WHAT THE TASK ASKS
The string "extrude" may appear on lines of the entries below; report how many such lines there are, and only that.

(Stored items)
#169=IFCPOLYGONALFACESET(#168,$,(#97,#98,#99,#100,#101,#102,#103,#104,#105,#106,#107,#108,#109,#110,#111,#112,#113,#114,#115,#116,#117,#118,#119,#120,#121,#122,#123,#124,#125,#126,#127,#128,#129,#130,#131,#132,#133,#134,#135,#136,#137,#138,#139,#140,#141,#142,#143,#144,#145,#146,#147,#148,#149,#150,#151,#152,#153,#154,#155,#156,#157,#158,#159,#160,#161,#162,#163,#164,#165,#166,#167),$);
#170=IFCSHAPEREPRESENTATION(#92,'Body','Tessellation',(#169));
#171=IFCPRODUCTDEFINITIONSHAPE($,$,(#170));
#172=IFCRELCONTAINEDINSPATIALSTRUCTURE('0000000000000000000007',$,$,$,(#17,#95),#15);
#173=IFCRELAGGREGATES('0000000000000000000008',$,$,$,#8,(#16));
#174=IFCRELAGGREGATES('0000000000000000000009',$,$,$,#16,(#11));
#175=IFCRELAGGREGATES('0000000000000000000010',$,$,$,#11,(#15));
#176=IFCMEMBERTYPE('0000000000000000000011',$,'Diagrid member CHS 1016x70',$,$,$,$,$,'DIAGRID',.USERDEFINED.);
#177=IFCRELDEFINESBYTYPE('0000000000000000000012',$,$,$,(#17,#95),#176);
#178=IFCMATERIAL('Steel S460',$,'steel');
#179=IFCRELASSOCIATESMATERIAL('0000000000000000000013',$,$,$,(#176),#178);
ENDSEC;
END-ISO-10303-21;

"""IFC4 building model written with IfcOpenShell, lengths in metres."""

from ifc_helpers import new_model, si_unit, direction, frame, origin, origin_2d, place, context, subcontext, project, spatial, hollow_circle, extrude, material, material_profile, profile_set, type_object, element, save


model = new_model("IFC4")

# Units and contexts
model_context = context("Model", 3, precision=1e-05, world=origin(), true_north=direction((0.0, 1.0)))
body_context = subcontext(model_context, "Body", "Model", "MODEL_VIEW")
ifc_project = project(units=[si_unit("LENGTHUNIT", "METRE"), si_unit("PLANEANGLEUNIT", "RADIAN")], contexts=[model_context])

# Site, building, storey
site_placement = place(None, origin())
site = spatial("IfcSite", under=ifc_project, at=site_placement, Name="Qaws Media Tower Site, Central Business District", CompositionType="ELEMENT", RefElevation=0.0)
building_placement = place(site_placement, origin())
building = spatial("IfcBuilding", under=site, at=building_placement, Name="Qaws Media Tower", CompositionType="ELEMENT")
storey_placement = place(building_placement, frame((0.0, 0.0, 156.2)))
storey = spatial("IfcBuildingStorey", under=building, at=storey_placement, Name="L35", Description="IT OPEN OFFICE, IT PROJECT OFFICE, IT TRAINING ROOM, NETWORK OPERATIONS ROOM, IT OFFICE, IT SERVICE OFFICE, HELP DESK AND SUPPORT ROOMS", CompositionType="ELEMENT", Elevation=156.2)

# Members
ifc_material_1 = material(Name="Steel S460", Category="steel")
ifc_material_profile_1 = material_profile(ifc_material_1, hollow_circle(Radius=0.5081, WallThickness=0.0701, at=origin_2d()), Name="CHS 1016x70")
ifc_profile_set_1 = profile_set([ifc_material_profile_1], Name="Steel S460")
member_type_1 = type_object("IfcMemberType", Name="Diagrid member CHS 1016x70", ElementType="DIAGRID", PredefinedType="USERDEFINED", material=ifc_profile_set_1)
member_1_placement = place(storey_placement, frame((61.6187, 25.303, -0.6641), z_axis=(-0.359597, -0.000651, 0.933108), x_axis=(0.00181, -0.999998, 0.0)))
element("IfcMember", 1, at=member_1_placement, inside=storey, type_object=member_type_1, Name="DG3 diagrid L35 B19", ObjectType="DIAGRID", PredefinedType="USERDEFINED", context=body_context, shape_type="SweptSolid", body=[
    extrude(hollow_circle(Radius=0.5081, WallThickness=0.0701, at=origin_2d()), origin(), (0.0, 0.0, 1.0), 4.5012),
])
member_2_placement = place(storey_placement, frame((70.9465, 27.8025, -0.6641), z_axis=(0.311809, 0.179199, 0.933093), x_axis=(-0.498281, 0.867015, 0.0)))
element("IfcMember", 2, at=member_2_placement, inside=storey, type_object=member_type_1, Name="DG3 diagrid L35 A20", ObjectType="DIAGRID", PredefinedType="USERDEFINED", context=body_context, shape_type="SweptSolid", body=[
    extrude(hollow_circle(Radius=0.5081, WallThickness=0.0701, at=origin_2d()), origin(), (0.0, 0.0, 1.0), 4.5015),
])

ANSWER BOX
3